◆ Collected data

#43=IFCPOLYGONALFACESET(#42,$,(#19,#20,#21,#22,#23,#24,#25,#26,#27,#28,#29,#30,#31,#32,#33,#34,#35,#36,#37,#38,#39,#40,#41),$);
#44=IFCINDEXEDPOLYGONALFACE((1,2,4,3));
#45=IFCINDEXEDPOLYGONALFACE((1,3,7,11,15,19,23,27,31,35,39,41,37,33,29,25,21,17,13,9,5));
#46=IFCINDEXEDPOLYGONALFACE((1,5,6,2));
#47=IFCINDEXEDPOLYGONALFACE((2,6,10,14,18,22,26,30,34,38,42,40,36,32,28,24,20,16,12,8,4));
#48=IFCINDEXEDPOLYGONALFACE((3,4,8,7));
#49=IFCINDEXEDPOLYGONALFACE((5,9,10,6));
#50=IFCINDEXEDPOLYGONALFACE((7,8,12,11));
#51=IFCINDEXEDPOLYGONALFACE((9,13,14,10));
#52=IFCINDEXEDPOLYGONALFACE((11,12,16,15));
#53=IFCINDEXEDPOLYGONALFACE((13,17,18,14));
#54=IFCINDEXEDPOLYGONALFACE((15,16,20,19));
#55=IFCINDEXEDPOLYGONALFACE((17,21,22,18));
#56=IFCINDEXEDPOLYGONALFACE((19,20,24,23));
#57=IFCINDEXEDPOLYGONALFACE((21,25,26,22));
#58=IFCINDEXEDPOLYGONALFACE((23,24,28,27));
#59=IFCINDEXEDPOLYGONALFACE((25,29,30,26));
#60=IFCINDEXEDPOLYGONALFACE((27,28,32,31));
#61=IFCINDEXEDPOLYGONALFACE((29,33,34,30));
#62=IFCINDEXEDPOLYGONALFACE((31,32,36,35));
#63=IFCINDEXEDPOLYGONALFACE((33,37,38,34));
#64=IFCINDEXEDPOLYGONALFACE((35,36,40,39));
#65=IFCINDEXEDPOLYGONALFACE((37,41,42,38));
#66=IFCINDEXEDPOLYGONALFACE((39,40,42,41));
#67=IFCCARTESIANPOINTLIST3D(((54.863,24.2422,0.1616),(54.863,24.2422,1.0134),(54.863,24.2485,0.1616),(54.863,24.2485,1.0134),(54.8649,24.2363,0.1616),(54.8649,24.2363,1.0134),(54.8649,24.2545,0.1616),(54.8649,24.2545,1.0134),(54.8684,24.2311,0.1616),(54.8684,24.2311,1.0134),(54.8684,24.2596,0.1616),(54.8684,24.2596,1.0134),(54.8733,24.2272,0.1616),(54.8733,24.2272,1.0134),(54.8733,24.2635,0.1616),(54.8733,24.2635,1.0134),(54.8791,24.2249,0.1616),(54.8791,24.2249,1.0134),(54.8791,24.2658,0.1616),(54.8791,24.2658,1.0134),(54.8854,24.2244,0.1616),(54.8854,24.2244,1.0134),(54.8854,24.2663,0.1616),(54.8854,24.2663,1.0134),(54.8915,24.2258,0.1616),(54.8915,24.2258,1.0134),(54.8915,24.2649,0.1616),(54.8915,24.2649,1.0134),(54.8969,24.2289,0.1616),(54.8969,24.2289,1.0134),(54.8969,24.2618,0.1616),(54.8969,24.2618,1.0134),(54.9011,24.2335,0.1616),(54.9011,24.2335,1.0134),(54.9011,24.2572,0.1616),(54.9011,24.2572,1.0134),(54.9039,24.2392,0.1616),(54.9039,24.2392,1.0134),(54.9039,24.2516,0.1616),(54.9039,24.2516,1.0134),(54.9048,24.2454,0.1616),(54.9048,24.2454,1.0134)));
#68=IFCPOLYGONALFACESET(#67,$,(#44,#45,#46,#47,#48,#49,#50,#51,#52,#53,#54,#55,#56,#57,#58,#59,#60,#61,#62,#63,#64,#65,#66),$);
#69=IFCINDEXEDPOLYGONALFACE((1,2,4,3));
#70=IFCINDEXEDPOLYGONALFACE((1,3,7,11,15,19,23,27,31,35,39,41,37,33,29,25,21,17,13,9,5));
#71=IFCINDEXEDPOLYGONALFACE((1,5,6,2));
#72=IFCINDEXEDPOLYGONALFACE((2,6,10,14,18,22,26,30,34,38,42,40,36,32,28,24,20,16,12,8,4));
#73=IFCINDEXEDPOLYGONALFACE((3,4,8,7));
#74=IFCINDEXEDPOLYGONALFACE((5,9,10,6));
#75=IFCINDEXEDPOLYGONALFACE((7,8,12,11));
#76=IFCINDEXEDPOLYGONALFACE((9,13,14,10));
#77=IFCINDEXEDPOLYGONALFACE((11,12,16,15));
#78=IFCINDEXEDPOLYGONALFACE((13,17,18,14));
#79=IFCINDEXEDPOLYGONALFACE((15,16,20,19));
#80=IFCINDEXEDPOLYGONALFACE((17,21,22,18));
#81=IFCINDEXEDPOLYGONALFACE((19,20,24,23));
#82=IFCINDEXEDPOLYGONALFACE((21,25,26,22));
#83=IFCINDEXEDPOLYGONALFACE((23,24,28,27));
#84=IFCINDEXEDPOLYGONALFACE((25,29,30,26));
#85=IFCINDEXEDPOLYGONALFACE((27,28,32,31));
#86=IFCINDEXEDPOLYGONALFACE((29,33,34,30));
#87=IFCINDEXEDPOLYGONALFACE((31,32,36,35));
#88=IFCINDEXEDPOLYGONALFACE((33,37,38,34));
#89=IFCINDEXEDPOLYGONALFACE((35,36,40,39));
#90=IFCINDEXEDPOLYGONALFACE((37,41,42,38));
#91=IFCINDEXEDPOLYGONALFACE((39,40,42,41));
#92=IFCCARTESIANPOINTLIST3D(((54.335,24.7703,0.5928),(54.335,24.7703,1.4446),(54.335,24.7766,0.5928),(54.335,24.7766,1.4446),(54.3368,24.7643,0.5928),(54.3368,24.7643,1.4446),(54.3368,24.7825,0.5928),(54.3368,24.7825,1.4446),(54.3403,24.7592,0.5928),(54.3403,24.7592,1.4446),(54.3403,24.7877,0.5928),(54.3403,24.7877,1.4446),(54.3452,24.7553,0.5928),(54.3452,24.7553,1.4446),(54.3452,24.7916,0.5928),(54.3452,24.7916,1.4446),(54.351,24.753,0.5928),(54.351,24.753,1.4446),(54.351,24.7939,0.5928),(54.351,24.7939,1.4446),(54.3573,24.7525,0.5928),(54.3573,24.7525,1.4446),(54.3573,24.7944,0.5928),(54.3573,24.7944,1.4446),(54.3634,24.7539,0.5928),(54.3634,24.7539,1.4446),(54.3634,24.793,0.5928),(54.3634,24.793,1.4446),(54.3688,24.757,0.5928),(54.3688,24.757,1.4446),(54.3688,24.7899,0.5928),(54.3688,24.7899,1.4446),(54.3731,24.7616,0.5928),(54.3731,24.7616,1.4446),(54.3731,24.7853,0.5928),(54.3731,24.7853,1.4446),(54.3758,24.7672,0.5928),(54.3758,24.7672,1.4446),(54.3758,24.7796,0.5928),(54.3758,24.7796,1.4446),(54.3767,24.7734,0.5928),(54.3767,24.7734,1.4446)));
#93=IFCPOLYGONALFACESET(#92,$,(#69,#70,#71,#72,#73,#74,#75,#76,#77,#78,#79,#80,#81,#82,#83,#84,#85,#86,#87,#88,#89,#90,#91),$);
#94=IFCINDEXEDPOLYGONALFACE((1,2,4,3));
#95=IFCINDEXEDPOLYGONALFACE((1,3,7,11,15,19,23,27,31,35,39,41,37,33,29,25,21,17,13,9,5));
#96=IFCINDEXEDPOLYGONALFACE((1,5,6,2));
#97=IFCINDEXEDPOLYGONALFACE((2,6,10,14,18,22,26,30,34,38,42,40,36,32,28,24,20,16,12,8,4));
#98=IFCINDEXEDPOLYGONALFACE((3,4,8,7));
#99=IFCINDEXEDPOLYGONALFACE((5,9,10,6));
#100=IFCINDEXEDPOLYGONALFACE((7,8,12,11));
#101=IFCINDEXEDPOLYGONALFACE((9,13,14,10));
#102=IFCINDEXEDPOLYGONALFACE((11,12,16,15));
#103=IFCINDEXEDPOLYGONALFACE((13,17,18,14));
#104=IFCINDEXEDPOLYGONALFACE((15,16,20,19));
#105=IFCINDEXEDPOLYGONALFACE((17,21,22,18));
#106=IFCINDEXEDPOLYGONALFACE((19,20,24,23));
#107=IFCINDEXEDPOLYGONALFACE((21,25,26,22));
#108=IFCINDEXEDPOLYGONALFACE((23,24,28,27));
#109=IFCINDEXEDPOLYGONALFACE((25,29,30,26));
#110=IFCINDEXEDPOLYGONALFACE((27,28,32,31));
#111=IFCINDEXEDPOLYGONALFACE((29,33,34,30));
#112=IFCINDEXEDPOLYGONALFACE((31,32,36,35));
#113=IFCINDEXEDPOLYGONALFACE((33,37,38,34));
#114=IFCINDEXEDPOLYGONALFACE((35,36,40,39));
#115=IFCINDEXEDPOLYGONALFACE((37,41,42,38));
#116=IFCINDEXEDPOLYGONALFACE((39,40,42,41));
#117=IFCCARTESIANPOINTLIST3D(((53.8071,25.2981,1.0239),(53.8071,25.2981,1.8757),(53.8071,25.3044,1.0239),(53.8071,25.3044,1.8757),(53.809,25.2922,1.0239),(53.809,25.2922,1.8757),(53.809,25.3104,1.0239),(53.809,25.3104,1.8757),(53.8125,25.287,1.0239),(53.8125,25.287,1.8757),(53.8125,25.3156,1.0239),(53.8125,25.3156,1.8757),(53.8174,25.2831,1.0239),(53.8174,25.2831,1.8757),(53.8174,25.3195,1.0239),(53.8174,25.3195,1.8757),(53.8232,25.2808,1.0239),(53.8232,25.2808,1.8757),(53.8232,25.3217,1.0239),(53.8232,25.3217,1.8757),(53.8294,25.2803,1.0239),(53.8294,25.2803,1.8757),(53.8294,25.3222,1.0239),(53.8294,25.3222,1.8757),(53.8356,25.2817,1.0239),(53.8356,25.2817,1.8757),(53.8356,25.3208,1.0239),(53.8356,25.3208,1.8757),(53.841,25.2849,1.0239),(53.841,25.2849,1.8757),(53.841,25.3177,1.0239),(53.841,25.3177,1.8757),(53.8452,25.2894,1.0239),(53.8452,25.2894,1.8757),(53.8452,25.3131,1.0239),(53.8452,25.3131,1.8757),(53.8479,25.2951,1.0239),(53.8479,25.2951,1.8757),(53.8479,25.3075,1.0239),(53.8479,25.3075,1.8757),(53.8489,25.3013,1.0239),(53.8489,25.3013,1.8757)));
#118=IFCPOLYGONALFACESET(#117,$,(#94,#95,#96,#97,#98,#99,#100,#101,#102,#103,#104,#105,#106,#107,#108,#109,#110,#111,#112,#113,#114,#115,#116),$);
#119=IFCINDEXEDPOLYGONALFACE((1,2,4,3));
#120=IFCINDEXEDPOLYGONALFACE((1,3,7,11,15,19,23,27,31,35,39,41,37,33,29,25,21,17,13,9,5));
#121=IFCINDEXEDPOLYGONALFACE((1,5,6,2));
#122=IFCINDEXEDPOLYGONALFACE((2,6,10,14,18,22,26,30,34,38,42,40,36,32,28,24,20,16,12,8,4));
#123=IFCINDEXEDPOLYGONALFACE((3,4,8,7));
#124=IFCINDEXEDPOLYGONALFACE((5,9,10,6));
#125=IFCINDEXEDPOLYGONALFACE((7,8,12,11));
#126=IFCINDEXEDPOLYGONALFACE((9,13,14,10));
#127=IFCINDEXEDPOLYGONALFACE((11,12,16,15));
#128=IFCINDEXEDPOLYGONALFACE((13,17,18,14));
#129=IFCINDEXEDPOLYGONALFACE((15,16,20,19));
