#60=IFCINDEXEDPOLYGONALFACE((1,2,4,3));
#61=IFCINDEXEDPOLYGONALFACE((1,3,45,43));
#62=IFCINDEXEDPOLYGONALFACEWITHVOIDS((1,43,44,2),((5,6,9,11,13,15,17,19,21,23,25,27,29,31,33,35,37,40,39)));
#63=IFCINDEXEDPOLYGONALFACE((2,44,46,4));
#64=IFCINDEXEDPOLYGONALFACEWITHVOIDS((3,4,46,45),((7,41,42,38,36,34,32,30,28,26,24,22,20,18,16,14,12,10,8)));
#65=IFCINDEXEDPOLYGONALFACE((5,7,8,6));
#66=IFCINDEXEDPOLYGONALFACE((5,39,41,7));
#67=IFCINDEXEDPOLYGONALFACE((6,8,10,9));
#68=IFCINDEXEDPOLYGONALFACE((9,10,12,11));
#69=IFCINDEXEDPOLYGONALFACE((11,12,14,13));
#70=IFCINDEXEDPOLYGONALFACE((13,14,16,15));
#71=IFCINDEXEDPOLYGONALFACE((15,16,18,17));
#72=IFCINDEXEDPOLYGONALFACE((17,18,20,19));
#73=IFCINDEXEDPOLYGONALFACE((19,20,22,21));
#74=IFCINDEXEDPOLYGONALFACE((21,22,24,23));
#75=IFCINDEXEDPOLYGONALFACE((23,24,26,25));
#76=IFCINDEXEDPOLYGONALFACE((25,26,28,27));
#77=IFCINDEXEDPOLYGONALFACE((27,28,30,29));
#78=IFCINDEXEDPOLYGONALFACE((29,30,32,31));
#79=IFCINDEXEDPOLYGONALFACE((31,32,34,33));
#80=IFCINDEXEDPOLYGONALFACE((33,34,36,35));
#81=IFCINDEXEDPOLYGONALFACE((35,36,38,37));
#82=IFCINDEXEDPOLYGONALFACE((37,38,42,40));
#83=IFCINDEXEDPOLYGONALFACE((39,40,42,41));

◆ BRIEF
Restate the line containing "#68=IFCINDEXEDPOLYGONALFACE((9,10,12,11));" and every remaining line of the records word for word. Add nothing.

◆ WRITTEN SOLUTION
#68=IFCINDEXEDPOLYGONALFACE((9,10,12,11));
#69=IFCINDEXEDPOLYGONALFACE((11,12,14,13));
#70=IFCINDEXEDPOLYGONALFACE((13,14,16,15));
#71=IFCINDEXEDPOLYGONALFACE((15,16,18,17));
#72=IFCINDEXEDPOLYGONALFACE((17,18,20,19));
#73=IFCINDEXEDPOLYGONALFACE((19,20,22,21));
#74=IFCINDEXEDPOLYGONALFACE((21,22,24,23));
#75=IFCINDEXEDPOLYGONALFACE((23,24,26,25));
#76=IFCINDEXEDPOLYGONALFACE((25,26,28,27));
#77=IFCINDEXEDPOLYGONALFACE((27,28,30,29));
#78=IFCINDEXEDPOLYGONALFACE((29,30,32,31));
#79=IFCINDEXEDPOLYGONALFACE((31,32,34,33));
#80=IFCINDEXEDPOLYGONALFACE((33,34,36,35));
#81=IFCINDEXEDPOLYGONALFACE((35,36,38,37));
#82=IFCINDEXEDPOLYGONALFACE((37,38,42,40));
#83=IFCINDEXEDPOLYGONALFACE((39,40,42,41));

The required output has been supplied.